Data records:
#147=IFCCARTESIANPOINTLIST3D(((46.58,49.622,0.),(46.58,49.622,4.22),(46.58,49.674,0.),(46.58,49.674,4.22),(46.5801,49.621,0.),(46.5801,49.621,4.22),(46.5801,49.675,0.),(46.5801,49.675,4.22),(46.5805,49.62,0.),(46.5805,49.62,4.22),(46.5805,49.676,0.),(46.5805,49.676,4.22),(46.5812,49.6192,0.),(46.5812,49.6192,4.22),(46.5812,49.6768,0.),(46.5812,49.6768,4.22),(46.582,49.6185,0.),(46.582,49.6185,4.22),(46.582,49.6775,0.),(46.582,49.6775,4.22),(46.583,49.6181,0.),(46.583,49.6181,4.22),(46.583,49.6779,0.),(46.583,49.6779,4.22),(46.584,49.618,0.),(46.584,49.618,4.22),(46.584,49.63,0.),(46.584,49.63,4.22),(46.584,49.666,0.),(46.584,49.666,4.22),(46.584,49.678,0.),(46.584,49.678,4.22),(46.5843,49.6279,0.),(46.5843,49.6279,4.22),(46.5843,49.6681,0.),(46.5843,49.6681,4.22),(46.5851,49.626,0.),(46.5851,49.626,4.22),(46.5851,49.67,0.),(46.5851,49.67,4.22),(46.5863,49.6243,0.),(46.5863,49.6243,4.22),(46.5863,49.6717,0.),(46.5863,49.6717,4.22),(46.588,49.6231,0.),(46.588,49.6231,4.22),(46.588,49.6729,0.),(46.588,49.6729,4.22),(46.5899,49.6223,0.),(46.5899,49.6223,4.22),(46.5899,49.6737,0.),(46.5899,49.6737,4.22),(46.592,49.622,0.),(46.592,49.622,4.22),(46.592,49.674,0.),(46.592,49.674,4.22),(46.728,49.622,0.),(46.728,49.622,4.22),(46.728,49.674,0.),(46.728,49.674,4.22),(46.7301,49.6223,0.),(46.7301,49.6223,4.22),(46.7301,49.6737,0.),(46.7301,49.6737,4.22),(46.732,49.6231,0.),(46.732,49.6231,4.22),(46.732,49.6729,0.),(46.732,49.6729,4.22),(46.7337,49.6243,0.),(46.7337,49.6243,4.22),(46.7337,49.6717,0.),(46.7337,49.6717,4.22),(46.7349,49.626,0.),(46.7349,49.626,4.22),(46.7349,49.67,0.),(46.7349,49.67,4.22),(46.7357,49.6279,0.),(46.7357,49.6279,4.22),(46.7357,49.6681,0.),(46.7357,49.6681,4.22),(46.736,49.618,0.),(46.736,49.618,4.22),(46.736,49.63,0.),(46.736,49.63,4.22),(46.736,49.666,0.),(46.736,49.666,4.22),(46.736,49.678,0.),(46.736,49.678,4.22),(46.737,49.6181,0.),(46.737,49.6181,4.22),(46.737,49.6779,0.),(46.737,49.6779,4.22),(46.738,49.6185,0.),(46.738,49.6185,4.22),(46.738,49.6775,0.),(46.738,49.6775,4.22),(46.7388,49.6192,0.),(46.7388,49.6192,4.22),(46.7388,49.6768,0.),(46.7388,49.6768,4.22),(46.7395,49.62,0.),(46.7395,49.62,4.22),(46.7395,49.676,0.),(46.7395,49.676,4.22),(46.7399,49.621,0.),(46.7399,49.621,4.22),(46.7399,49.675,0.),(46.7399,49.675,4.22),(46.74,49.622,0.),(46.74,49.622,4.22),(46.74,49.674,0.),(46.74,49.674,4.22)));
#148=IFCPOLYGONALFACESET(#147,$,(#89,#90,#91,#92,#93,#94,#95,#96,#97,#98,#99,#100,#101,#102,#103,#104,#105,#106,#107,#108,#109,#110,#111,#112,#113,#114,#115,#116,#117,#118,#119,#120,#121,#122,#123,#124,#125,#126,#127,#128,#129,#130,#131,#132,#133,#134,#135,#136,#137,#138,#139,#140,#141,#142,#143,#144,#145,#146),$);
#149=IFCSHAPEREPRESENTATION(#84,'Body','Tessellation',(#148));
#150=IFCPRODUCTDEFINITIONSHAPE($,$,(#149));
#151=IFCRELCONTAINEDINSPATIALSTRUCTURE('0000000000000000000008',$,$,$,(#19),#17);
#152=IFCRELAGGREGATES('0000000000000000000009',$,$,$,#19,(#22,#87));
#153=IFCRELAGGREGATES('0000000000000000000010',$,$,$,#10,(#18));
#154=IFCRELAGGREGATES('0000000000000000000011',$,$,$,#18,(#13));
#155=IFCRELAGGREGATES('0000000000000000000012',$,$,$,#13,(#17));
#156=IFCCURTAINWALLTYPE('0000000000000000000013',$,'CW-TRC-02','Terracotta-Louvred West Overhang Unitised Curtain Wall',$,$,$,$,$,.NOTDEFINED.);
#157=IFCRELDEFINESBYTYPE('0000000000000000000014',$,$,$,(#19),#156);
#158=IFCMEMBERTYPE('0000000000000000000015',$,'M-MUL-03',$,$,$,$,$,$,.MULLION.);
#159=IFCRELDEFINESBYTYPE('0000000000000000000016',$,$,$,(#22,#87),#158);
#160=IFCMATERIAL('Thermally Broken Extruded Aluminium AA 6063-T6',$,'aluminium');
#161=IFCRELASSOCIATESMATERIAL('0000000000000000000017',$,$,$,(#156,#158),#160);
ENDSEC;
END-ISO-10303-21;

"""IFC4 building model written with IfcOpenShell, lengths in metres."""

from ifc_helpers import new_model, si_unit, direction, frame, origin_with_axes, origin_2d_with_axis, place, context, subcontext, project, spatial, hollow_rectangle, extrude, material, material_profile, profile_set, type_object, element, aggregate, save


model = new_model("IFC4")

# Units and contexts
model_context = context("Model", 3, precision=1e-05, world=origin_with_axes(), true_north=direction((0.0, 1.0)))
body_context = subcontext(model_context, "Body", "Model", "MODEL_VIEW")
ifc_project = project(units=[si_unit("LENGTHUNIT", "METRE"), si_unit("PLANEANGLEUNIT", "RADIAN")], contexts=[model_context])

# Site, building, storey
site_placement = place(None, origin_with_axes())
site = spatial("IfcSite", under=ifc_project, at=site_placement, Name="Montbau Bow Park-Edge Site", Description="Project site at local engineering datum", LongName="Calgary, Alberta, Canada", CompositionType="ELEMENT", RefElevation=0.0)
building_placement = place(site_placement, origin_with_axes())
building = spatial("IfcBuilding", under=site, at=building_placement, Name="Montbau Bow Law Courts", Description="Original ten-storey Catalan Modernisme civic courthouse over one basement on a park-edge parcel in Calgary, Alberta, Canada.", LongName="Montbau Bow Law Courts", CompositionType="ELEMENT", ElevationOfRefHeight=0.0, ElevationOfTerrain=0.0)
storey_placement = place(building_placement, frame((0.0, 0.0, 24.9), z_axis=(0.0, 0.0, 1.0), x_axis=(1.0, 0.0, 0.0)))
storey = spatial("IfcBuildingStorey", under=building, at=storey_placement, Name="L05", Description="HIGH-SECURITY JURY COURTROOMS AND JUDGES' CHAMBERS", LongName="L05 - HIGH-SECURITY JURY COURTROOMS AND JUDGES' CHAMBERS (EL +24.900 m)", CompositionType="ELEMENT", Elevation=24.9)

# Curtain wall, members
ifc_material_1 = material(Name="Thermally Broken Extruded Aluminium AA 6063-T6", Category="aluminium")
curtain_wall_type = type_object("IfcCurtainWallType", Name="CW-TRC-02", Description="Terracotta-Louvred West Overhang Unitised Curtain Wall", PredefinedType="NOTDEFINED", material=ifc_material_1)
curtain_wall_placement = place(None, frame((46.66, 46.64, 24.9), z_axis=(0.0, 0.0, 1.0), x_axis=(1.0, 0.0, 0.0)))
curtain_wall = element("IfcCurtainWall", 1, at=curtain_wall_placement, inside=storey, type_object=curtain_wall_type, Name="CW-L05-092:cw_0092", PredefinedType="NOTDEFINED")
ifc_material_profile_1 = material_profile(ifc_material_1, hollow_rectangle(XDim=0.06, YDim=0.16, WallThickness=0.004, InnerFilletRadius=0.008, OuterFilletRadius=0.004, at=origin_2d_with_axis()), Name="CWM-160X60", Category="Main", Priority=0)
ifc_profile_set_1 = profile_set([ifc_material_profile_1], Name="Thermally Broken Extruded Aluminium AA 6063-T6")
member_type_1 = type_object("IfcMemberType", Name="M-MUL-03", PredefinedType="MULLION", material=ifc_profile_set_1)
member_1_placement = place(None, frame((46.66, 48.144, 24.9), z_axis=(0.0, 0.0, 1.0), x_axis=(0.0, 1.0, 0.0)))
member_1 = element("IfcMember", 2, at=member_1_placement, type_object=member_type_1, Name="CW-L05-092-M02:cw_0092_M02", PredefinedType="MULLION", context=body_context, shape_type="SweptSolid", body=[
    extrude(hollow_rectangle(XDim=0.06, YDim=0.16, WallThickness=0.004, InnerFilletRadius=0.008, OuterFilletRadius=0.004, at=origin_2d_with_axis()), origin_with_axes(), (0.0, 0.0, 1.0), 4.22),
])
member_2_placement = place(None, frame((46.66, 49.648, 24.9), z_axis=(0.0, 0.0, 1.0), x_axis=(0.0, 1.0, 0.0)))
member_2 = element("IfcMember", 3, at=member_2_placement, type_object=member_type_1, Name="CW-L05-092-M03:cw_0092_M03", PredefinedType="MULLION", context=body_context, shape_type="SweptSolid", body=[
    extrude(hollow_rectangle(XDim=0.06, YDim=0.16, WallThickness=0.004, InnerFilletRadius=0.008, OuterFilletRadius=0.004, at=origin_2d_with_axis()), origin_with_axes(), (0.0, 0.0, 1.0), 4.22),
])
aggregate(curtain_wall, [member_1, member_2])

__EXERCISE DIRECTIONS__
List every line from the entries above in which "SweptSolid" appears.

__WRITTEN ANSWER__
member_1 = element("IfcMember", 2, at=member_1_placement, type_object=member_type_1, Name="CW-L05-092-M02:cw_0092_M02", PredefinedType="MULLION", context=body_context, shape_type="SweptSolid", body=[
member_2 = element("IfcMember", 3, at=member_2_placement, type_object=member_type_1, Name="CW-L05-092-M03:cw_0092_M03", PredefinedType="MULLION", context=body_context, shape_type="SweptSolid", body=[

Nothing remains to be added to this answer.